##### Data extract
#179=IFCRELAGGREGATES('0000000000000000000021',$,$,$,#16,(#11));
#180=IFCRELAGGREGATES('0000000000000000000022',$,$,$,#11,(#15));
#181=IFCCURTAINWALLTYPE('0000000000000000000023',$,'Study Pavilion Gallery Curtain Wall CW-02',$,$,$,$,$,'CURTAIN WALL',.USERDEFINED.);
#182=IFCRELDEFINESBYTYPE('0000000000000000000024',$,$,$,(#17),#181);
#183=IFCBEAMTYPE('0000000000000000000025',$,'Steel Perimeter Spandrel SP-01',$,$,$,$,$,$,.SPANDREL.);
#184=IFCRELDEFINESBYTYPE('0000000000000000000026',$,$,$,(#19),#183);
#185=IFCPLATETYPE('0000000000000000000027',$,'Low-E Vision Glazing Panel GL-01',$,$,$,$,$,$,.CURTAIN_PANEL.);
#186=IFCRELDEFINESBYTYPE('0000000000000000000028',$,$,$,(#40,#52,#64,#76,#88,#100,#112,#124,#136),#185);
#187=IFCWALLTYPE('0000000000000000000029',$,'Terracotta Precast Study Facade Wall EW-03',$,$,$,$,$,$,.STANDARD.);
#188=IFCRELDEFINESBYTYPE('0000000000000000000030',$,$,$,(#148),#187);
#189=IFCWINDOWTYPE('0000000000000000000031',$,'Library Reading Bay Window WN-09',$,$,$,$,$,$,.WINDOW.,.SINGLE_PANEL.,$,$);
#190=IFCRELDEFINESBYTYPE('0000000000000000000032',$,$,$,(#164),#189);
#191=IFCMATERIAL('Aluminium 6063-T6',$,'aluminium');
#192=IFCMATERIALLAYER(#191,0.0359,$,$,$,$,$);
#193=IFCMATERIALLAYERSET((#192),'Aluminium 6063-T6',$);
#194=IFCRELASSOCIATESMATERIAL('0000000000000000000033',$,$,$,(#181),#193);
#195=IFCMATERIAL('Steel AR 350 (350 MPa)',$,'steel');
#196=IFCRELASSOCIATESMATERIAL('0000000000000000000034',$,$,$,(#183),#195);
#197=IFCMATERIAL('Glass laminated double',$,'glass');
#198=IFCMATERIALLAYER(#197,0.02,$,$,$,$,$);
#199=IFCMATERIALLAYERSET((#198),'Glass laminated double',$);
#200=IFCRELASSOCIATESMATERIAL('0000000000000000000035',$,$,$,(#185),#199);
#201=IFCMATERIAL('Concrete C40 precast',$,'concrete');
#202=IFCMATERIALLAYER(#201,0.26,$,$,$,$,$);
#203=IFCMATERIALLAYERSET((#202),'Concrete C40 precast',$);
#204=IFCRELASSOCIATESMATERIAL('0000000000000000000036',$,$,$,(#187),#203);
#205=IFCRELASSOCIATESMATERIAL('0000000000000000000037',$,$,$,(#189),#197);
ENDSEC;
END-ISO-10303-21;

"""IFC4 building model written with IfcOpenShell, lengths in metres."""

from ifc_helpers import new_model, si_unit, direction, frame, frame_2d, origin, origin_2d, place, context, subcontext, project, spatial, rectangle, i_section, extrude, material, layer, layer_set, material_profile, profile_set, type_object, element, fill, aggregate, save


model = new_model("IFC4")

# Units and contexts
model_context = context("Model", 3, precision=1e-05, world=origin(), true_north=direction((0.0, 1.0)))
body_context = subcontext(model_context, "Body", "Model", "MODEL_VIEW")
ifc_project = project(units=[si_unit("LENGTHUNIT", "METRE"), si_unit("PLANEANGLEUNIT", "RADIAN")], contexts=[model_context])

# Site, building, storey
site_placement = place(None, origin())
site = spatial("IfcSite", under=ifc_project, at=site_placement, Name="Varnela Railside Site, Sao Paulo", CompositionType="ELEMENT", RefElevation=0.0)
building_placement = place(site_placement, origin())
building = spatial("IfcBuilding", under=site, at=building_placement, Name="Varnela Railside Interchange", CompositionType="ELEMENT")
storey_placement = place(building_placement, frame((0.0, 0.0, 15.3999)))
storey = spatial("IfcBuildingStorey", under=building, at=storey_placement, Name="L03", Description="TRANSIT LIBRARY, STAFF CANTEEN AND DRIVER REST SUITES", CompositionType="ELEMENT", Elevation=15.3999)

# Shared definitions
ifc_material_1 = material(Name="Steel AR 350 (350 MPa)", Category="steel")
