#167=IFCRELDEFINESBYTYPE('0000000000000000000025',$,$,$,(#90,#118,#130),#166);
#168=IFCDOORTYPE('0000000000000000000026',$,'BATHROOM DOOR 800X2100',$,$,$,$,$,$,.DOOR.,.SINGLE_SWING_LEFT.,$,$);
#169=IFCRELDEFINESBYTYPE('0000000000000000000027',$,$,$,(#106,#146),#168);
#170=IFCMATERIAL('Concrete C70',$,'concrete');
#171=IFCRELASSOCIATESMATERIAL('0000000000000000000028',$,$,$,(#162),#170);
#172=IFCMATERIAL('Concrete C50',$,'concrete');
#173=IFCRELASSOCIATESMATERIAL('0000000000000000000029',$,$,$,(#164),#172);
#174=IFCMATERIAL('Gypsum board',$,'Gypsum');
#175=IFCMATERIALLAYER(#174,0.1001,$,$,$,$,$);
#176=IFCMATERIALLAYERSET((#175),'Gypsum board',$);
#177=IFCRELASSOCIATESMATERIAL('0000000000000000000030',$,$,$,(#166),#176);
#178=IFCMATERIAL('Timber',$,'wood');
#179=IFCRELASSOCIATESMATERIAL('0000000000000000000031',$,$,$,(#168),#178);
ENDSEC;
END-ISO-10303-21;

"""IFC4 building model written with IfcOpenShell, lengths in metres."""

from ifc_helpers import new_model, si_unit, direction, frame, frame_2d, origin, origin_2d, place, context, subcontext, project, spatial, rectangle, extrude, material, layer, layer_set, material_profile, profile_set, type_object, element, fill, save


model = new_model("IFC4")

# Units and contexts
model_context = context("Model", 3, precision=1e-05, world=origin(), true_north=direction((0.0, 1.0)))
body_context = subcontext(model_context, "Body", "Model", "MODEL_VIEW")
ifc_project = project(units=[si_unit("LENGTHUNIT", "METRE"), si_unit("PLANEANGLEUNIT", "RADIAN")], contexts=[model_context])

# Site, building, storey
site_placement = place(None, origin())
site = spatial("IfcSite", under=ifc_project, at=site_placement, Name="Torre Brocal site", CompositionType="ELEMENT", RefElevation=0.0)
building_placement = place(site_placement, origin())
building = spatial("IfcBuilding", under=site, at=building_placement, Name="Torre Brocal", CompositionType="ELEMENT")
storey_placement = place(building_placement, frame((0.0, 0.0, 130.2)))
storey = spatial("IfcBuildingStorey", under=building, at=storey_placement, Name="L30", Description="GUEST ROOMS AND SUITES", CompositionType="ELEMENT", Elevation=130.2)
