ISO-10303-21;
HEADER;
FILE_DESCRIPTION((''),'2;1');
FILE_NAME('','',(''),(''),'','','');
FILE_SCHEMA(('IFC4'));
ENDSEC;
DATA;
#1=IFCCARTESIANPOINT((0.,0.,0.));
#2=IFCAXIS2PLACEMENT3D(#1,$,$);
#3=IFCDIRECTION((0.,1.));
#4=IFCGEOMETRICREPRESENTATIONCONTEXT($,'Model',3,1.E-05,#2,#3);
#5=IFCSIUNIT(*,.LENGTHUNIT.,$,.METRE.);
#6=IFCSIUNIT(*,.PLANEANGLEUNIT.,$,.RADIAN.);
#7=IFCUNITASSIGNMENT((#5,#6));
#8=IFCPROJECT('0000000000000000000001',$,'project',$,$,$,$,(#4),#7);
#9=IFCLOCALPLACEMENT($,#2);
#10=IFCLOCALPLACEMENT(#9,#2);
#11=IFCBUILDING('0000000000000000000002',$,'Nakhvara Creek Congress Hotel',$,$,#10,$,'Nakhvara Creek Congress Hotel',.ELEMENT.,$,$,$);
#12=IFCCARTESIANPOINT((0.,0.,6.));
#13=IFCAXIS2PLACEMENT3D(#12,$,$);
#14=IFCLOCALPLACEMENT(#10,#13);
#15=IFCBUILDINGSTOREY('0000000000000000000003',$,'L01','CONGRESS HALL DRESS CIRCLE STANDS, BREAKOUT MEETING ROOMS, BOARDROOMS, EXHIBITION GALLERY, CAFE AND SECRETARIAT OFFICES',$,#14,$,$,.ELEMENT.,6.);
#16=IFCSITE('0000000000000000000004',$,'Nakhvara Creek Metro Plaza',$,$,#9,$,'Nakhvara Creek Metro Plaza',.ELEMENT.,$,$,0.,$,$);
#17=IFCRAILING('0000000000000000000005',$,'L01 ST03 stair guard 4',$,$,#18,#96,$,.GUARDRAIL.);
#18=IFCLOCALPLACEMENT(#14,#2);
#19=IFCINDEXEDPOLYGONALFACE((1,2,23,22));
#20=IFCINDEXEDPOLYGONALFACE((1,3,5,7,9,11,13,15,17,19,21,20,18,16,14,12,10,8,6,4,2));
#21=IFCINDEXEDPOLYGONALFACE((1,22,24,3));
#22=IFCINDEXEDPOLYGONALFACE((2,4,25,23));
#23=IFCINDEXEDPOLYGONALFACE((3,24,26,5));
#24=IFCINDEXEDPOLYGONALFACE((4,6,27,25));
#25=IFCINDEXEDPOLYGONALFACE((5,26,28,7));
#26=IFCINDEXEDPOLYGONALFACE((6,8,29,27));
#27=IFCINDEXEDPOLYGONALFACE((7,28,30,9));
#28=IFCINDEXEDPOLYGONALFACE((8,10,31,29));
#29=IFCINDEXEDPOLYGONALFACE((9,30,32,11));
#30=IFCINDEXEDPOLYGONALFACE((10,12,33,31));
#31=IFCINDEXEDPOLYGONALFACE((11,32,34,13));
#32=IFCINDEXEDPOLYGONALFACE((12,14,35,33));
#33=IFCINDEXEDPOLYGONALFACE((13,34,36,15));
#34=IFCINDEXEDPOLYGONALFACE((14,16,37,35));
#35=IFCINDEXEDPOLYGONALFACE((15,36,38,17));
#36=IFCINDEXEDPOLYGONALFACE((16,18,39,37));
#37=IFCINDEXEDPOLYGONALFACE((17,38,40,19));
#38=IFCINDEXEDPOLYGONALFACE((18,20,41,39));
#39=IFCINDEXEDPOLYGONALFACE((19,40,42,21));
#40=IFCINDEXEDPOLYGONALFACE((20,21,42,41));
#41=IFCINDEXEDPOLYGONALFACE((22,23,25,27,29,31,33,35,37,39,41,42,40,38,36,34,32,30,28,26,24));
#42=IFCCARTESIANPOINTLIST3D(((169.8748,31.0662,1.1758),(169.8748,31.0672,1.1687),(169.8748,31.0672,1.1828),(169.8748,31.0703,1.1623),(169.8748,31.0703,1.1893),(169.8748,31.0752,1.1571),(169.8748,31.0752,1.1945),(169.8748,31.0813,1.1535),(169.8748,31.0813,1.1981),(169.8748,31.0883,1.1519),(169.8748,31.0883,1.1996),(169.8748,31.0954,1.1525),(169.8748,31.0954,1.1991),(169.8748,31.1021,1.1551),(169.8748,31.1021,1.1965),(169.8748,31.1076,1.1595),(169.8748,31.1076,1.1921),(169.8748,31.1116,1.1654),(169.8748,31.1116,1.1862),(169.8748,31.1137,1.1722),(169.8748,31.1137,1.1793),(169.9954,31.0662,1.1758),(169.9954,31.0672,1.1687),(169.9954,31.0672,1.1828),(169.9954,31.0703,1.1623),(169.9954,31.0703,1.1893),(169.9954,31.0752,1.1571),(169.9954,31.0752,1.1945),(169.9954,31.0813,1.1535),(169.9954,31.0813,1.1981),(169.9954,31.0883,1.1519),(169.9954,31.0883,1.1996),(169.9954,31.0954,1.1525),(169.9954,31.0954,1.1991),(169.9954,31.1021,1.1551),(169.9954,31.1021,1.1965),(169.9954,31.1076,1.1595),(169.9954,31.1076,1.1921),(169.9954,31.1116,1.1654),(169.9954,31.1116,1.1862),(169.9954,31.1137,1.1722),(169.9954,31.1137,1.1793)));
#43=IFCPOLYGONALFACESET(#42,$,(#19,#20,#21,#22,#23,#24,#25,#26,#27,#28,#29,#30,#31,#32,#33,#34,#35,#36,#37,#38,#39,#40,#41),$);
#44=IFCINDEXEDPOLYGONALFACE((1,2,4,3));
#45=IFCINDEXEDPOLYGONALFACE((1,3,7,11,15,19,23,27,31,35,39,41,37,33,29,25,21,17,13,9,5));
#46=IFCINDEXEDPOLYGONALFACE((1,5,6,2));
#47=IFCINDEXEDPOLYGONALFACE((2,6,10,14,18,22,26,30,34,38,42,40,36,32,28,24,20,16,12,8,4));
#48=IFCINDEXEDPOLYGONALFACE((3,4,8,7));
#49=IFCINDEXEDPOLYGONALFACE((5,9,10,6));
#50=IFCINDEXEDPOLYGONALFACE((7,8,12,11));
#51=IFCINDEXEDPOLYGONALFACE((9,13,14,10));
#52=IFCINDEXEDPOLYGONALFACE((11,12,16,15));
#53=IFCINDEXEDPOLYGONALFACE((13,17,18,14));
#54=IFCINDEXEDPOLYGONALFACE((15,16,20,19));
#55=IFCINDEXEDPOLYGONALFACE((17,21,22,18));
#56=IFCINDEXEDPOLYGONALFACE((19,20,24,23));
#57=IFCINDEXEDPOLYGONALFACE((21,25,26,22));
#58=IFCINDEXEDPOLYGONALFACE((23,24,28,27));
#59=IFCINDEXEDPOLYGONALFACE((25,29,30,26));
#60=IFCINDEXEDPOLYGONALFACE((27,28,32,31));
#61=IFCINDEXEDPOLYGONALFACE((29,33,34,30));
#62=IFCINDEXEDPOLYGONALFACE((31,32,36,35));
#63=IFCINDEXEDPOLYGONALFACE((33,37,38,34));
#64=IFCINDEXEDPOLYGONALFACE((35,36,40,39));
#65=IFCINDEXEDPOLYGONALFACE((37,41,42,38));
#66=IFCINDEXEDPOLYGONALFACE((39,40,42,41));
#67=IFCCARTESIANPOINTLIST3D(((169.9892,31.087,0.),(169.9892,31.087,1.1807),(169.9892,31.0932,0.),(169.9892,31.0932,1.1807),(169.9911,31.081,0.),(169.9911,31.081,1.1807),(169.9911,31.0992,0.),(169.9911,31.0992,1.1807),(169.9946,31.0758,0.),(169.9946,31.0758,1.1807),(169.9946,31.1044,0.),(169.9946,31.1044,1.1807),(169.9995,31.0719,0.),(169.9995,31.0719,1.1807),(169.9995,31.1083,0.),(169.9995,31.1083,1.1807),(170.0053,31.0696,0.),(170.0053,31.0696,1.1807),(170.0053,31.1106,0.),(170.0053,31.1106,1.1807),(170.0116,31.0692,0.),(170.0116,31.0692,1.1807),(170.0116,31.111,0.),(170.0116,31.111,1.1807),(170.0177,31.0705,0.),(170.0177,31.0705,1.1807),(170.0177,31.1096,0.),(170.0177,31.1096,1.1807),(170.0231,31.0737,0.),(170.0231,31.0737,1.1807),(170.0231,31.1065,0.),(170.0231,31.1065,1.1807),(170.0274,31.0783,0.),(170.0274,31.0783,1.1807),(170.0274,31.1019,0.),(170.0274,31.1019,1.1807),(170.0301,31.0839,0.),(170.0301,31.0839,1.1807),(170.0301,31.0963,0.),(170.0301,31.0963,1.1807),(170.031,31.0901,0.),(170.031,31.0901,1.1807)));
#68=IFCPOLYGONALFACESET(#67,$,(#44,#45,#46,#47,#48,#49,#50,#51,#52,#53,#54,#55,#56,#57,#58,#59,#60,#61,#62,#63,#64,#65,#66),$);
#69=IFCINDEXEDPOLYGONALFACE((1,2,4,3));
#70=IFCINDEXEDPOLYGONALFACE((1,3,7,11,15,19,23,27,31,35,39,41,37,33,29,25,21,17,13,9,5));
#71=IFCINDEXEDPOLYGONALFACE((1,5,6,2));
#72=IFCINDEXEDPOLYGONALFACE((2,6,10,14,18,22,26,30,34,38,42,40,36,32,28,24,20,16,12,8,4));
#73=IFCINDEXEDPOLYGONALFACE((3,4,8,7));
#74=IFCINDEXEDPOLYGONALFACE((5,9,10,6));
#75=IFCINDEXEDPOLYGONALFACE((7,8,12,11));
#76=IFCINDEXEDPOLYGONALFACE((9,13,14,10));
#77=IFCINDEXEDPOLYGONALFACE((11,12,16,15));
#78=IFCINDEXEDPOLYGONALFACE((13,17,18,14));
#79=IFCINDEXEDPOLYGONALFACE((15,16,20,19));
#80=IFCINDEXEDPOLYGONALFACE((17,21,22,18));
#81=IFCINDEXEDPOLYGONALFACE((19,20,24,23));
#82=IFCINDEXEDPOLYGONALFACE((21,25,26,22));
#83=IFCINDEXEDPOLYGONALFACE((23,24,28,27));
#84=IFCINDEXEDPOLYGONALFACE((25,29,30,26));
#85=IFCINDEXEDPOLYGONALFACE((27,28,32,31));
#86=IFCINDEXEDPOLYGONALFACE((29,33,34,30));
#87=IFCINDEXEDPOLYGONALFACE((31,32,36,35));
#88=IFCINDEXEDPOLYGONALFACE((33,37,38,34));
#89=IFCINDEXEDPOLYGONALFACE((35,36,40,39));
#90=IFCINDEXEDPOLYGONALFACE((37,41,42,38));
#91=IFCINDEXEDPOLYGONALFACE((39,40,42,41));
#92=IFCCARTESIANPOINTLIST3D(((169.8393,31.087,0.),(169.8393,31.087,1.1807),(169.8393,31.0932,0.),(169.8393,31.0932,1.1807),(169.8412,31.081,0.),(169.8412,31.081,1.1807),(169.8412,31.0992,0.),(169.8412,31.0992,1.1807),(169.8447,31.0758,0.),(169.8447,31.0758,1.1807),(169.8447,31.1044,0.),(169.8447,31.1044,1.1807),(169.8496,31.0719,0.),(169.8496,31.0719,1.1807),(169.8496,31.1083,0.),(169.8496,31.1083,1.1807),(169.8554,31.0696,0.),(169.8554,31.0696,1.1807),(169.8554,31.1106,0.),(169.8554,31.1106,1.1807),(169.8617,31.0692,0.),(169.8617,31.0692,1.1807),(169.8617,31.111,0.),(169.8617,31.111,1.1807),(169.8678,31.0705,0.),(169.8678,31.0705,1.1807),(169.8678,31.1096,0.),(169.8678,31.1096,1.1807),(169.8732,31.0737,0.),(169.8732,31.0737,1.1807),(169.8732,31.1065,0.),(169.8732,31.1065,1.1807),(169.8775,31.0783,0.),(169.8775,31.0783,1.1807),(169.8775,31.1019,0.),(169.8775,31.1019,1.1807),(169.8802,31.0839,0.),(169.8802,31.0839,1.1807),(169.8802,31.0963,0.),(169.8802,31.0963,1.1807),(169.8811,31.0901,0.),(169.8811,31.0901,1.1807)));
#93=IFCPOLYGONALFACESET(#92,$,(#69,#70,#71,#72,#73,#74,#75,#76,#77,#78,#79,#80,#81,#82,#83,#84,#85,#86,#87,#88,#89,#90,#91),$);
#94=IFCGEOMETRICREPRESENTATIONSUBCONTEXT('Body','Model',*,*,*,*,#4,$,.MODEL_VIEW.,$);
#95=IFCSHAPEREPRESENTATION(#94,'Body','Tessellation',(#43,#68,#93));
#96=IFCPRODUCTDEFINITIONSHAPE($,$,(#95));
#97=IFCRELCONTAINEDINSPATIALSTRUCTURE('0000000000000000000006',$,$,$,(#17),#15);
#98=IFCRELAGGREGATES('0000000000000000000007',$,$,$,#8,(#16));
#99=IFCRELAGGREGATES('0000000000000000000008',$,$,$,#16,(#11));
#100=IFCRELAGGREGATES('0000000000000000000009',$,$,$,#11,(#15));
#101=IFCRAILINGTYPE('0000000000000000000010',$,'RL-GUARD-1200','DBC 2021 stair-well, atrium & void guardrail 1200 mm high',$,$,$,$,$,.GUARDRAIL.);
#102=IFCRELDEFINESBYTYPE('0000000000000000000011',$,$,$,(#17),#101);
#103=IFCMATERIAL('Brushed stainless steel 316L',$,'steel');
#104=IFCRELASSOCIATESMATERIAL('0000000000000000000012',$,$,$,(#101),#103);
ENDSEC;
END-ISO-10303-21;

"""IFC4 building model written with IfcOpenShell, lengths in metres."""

from ifc_helpers import new_model, si_unit, direction, frame, origin, origin_2d, place, context, subcontext, project, spatial, circle, extrude, material, type_object, element, save


model = new_model("IFC4")

# Units and contexts
model_context = context("Model", 3, precision=1e-05, world=origin(), true_north=direction((0.0, 1.0)))
body_context = subcontext(model_context, "Body", "Model", "MODEL_VIEW")
ifc_project = project(units=[si_unit("LENGTHUNIT", "METRE"), si_unit("PLANEANGLEUNIT", "RADIAN")], contexts=[model_context])

# Site, building, storey
site_placement = place(None, origin())
site = spatial("IfcSite", under=ifc_project, at=site_placement, Name="Nakhvara Creek Metro Plaza", LongName="Nakhvara Creek Metro Plaza", CompositionType="ELEMENT", RefElevation=0.0)
building_placement = place(site_placement, origin())
building = spatial("IfcBuilding", under=site, at=building_placement, Name="Nakhvara Creek Congress Hotel", LongName="Nakhvara Creek Congress Hotel", CompositionType="ELEMENT")
storey_placement = place(building_placement, frame((0.0, 0.0, 6.0)))
storey = spatial("IfcBuildingStorey", under=building, at=storey_placement, Name="L01", Description="CONGRESS HALL DRESS CIRCLE STANDS, BREAKOUT MEETING ROOMS, BOARDROOMS, EXHIBITION GALLERY, CAFE AND SECRETARIAT OFFICES", CompositionType="ELEMENT", Elevation=6.0)

# Railing
ifc_material_1 = material(Name="Brushed stainless steel 316L", Category="steel")
railing_type_1 = type_object("IfcRailingType", Name="RL-GUARD-1200", Description="DBC 2021 stair-well, atrium & void guardrail 1200 mm high", PredefinedType="GUARDRAIL", material=ifc_material_1)
railing_1_placement = place(storey_placement, frame((170.01, 31.0901, 0.0)))
element("IfcRailing", 1, at=railing_1_placement, inside=storey, type_object=railing_type_1, Name="L01 ST03 stair guard 4", PredefinedType="GUARDRAIL", context=body_context, shape_type="SweptSolid", body=[
    extrude(circle(Radius=0.0239, at=origin_2d()), frame((-0.0146, 0.0, 1.1758), z_axis=(-1.0, 0.0, 0.0), x_axis=(0.0, -1.0, 0.0)), (0.0, 0.0, 1.0), 0.1206),
    extrude(circle(Radius=0.021, at=origin_2d()), origin(), (0.0, 0.0, 1.0), 1.1807),
    extrude(circle(Radius=0.021, at=origin_2d()), frame((-0.1499, 0.0, 0.0)), (0.0, 0.0, 1.0), 1.1807),
])

save(model, "model.ifc")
##########
The expected answer is a copy of each line above containing "IFCRELDEFINESBYTYPE".

#182=IFCRELDEFINESBYTYPE('0000000000000000000024',$,$,$,(#17),#181);
#184=IFCRELDEFINESBYTYPE('0000000000000000000026',$,$,$,(#19),#183);
#186=IFCRELDEFINESBYTYPE('0000000000000000000028',$,$,$,(#40,#52,#64,#76,#88,#100,#112,#124,#136),#185);
#188=IFCRELDEFINESBYTYPE('0000000000000000000030',$,$,$,(#148),#187);
#190=IFCRELDEFINESBYTYPE('0000000000000000000032',$,$,$,(#164),#189);
#167=IFCRELDEFINESBYTYPE('0000000000000000000025',$,$,$,(#90,#118,#130),#166);
#169=IFCRELDEFINESBYTYPE('0000000000000000000027',$,$,$,(#106,#146),#168);
#102=IFCRELDEFINESBYTYPE('0000000000000000000011',$,$,$,(#17),#101);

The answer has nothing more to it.